▸ **What to work on**
The entries below contain a line with "#113=IFCMATERIALLAYERSET((#112),'Party wall 150',$);" and a line with "END-ISO-10303-21;". Retype exactly everything from the first down to the second, both included, and nothing else.

┌──

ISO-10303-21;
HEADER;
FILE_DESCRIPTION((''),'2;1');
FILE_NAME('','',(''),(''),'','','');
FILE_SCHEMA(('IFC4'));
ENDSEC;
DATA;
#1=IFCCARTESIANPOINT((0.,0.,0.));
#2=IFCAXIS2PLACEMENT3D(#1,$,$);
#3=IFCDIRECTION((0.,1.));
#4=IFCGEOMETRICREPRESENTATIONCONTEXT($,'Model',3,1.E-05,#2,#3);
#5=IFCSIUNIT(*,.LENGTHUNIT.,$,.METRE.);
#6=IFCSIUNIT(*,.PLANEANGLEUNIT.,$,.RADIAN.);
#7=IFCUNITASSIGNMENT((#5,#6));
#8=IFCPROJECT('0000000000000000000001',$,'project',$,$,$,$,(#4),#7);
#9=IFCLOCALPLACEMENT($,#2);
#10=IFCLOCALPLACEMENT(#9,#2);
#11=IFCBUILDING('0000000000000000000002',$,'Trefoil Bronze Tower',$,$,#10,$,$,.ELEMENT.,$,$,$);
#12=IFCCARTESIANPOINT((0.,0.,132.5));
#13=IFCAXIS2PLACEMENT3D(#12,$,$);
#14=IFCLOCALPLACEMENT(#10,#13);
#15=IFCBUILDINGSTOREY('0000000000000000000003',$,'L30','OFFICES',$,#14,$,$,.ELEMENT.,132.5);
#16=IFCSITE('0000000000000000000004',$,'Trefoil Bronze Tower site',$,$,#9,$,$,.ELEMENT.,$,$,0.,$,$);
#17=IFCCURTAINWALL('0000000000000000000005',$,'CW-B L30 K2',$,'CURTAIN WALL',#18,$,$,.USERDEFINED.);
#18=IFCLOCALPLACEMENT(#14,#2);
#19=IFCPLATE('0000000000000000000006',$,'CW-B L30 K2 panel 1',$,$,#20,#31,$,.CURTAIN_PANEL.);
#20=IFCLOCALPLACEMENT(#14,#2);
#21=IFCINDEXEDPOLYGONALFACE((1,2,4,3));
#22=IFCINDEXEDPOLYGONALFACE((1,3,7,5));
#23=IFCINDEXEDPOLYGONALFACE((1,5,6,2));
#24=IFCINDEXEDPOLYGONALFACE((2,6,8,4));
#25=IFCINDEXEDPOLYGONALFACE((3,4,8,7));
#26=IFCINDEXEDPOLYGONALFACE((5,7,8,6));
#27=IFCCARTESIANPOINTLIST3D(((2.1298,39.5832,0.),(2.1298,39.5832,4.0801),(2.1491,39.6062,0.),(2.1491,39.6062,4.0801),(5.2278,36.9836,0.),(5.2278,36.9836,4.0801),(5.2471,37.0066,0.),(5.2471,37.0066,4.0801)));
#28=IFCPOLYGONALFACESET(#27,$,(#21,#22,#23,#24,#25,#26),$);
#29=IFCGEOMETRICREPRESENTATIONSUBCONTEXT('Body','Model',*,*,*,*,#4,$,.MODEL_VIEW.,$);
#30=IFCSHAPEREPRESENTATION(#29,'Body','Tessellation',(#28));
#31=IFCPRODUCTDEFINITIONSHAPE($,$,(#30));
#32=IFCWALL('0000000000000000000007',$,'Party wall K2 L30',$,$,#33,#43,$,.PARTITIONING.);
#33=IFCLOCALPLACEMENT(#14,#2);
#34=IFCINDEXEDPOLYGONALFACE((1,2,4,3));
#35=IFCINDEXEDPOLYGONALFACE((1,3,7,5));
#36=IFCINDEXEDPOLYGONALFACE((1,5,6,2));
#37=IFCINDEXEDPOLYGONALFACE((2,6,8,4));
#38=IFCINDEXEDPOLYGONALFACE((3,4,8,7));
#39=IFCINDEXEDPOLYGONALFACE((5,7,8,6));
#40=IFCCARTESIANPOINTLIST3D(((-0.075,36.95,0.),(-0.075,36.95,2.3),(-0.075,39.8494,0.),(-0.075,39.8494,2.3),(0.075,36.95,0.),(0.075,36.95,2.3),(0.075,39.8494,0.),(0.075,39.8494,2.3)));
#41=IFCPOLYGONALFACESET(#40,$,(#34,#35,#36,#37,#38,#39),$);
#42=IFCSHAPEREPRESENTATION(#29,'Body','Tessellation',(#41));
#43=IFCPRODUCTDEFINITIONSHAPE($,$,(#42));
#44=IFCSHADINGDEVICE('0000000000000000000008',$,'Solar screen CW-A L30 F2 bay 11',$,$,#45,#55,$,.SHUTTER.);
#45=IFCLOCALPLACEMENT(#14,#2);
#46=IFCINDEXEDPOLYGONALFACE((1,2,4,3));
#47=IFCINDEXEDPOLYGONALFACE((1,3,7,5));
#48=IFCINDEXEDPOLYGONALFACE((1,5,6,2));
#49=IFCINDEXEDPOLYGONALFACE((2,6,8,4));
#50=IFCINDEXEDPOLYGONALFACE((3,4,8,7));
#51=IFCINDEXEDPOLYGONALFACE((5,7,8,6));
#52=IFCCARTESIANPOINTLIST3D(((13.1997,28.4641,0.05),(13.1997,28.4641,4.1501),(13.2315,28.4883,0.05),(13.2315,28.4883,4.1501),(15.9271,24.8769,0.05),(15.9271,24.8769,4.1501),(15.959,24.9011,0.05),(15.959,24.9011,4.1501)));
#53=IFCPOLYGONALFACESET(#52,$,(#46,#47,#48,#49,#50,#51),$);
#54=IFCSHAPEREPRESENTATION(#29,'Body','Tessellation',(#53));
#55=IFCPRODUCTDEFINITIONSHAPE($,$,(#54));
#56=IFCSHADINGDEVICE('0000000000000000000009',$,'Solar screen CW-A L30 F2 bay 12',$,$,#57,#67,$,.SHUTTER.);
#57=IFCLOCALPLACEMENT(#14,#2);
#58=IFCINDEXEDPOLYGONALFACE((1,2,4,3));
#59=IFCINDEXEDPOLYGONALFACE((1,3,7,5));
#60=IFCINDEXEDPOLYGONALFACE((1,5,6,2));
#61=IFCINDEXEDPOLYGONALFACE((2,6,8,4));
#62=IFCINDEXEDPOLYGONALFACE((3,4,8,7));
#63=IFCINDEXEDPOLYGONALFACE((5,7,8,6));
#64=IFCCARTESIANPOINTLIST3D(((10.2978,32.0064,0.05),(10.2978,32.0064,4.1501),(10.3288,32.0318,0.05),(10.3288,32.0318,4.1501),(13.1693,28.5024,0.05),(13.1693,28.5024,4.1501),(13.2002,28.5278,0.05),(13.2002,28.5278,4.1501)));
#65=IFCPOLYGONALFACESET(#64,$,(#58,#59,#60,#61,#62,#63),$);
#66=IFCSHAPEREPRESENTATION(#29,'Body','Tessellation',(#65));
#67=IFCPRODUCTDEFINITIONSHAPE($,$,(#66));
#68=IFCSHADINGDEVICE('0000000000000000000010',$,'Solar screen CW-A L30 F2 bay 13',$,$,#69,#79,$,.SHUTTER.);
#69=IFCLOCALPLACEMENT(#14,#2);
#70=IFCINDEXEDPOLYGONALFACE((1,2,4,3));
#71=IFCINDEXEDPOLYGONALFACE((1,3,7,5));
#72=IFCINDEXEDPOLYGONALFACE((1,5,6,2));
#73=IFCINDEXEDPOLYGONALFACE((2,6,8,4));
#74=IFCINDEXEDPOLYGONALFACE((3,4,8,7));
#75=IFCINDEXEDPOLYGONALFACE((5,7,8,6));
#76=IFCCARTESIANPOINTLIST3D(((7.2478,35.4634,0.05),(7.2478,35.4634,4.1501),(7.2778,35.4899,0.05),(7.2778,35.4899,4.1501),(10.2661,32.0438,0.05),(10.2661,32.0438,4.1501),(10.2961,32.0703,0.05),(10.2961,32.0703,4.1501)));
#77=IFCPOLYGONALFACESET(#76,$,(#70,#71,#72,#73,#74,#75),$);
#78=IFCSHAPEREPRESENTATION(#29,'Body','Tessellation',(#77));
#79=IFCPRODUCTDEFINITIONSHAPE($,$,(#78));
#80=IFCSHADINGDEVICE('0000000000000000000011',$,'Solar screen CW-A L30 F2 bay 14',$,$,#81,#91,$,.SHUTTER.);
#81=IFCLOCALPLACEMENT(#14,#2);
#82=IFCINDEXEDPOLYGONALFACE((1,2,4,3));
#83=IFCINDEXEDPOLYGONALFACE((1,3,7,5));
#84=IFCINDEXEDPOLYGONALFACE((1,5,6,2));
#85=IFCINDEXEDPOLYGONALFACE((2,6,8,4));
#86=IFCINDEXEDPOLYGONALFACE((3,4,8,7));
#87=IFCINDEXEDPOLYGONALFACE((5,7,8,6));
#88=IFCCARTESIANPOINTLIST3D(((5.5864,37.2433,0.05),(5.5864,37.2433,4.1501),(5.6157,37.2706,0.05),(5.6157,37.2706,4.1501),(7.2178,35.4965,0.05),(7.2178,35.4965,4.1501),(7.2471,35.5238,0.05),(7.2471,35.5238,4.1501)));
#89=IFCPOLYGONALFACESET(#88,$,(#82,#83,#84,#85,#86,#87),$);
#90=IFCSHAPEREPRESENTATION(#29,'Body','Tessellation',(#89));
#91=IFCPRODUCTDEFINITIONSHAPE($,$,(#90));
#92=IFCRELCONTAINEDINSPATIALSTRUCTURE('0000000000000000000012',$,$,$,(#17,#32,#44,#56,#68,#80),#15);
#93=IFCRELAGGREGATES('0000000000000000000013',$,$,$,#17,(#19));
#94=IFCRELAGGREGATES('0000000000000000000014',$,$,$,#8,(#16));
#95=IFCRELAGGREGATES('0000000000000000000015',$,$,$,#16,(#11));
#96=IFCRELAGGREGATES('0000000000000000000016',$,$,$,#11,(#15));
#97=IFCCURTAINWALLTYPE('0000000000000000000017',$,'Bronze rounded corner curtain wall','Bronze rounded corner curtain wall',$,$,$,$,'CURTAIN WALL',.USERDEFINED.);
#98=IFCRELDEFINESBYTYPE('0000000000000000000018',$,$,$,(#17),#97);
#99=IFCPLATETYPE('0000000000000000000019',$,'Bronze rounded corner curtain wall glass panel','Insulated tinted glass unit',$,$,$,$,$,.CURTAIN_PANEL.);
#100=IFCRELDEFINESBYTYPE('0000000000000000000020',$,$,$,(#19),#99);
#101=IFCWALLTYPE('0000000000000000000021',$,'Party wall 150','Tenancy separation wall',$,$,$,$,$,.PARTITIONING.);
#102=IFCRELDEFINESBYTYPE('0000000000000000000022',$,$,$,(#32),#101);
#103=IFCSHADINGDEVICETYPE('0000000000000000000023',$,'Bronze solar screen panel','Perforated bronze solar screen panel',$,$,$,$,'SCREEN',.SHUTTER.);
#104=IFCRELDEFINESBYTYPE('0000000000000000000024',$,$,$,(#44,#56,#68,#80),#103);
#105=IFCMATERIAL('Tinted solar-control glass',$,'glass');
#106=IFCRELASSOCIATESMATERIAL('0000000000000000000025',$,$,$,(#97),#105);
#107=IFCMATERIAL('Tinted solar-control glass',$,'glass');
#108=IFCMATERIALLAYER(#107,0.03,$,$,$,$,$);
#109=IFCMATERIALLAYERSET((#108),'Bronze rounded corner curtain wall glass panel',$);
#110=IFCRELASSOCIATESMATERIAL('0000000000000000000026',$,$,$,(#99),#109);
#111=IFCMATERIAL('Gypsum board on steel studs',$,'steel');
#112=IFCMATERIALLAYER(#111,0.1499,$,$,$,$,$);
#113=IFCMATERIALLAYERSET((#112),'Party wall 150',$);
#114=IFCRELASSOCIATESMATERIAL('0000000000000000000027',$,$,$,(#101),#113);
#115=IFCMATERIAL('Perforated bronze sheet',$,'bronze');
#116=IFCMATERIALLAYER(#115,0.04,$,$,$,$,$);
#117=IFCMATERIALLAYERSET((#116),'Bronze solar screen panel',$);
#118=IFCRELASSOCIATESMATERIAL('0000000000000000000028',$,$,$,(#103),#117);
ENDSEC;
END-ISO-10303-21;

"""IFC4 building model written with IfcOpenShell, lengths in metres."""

from ifc_helpers import new_model, si_unit, direction, frame, frame_2d, origin, origin_2d, place, context, subcontext, project, spatial, rectangle, extrude, material, layer, layer_set, type_object, element, aggregate, save


model = new_model("IFC4")

# Units and contexts
model_context = context("Model", 3, precision=1e-05, world=origin(), true_north=direction((0.0, 1.0)))
body_context = subcontext(model_context, "Body", "Model", "MODEL_VIEW")
ifc_project = project(units=[si_unit("LENGTHUNIT", "METRE"), si_unit("PLANEANGLEUNIT", "RADIAN")], contexts=[model_context])

# Site, building, storey
site_placement = place(None, origin())
site = spatial("IfcSite", under=ifc_project, at=site_placement, Name="Trefoil Bronze Tower site", CompositionType="ELEMENT", RefElevation=0.0)
building_placement = place(site_placement, origin())
building = spatial("IfcBuilding", under=site, at=building_placement, Name="Trefoil Bronze Tower", CompositionType="ELEMENT")
storey_placement = place(building_placement, frame((0.0, 0.0, 132.5)))
storey = spatial("IfcBuildingStorey", under=building, at=storey_placement, Name="L30", Description="OFFICES", CompositionType="ELEMENT", Elevation=132.5)

# Curtain wall
ifc_material_1 = material(Name="Tinted solar-control glass", Category="glass")
curtain_wall_type_1 = type_object("IfcCurtainWallType", Name="Bronze rounded corner curtain wall", Description="Bronze rounded corner curtain wall", ElementType="CURTAIN WALL", PredefinedType="USERDEFINED", material=ifc_material_1)
curtain_wall_1_placement = place(storey_placement, origin())
curtain_wall_1 = element("IfcCurtainWall", 1, at=curtain_wall_1_placement, inside=storey, type_object=curtain_wall_type_1, Name="CW-B L30 K2", ObjectType="CURTAIN WALL", PredefinedType="USERDEFINED")

# Plate
ifc_material_2 = material(Name="Tinted solar-control glass", Category="glass")
ifc_layer_1 = layer(ifc_material_2, 0.03)
ifc_layer_set_1 = layer_set([ifc_layer_1], Name="Bronze rounded corner curtain wall glass panel")
plate_type_1 = type_object("IfcPlateType", Name="Bronze rounded corner curtain wall glass panel", Description="Insulated tinted glass unit", PredefinedType="CURTAIN_PANEL", material=ifc_layer_set_1)
plate_1_placement = place(storey_placement, frame((3.6885, 38.2949, 0.0), z_axis=(0.0, 0.0, 1.0), x_axis=(-0.766044, 0.642788, 0.0)))
plate_1 = element("IfcPlate", 2, at=plate_1_placement, type_object=plate_type_1, Name="CW-B L30 K2 panel 1", PredefinedType="CURTAIN_PANEL", context=body_context, shape_type="SweptSolid", body=[
    extrude(rectangle(XDim=4.0442, YDim=0.03, at=origin_2d()), origin(), (0.0, 0.0, 1.0), 4.0801),
])
aggregate(curtain_wall_1, [plate_1])

# Wall
ifc_material_3 = material(Name="Gypsum board on steel studs", Category="steel")
ifc_layer_2 = layer(ifc_material_3, 0.1499)
ifc_layer_set_2 = layer_set([ifc_layer_2], Name="Party wall 150")
wall_type = type_object("IfcWallType", Name="Party wall 150", Description="Tenancy separation wall", PredefinedType="PARTITIONING", material=ifc_layer_set_2)
wall_placement = place(storey_placement, frame((0.0, 36.95, 0.0), z_axis=(0.0, 0.0, 1.0), x_axis=(0.0, 1.0, 0.0)))
element("IfcWall", 3, at=wall_placement, inside=storey, type_object=wall_type, Name="Party wall K2 L30", PredefinedType="PARTITIONING", context=body_context, shape_type="SweptSolid", body=[
    extrude(rectangle(XDim=2.8994, YDim=0.1499, at=frame_2d((1.4497, 0.0))), origin(), (0.0, 0.0, 1.0), 2.3),
])

# Shading devices
ifc_material_4 = material(Name="Perforated bronze sheet", Category="bronze")
ifc_layer_3 = layer(ifc_material_4, 0.04)
ifc_layer_set_3 = layer_set([ifc_layer_3], Name="Bronze solar screen panel")
shading_device_type = type_object("IfcShadingDeviceType", Name="Bronze solar screen panel", Description="Perforated bronze solar screen panel", ElementType="SCREEN", PredefinedType="SHUTTER", material=ifc_layer_set_3)
shading_device_1_placement = place(storey_placement, frame((14.5793, 26.6826, 0.05), z_axis=(0.0, 0.0, 1.0), x_axis=(-0.605252, 0.796034, 0.0)))
element("IfcShadingDevice", 4, at=shading_device_1_placement, inside=storey, type_object=shading_device_type, Name="Solar screen CW-A L30 F2 bay 11", PredefinedType="SHUTTER", context=body_context, shape_type="SweptSolid", body=[
    extrude(rectangle(XDim=4.5063, YDim=0.04, at=origin_2d()), origin(), (0.0, 0.0, 1.0), 4.1001),
])
shading_device_2_placement = place(storey_placement, frame((11.749, 30.2671, 0.05), z_axis=(0.0, 0.0, 1.0), x_axis=(-0.63384, 0.773464, 0.0)))
element("IfcShadingDevice", 5, at=shading_device_2_placement, inside=storey, type_object=shading_device_type, Name="Solar screen CW-A L30 F2 bay 12", PredefinedType="SHUTTER", context=body_context, shape_type="SweptSolid", body=[
    extrude(rectangle(XDim=4.5303, YDim=0.04, at=origin_2d()), origin(), (0.0, 0.0, 1.0), 4.1001),
])
shading_device_3_placement = place(storey_placement, frame((8.772, 33.7668, 0.05), z_axis=(0.0, 0.0, 1.0), x_axis=(-0.661751, 0.749723, 0.0)))
element("IfcShadingDevice", 6, at=shading_device_3_placement, inside=storey, type_object=shading_device_type, Name="Solar screen CW-A L30 F2 bay 13", PredefinedType="SHUTTER", context=body_context, shape_type="SweptSolid", body=[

└──

▸ **Expected answer**
#113=IFCMATERIALLAYERSET((#112),'Party wall 150',$);
#114=IFCRELASSOCIATESMATERIAL('0000000000000000000027',$,$,$,(#101),#113);
#115=IFCMATERIAL('Perforated bronze sheet',$,'bronze');
#116=IFCMATERIALLAYER(#115,0.04,$,$,$,$,$);
#117=IFCMATERIALLAYERSET((#116),'Bronze solar screen panel',$);
#118=IFCRELASSOCIATESMATERIAL('0000000000000000000028',$,$,$,(#103),#117);
ENDSEC;
END-ISO-10303-21;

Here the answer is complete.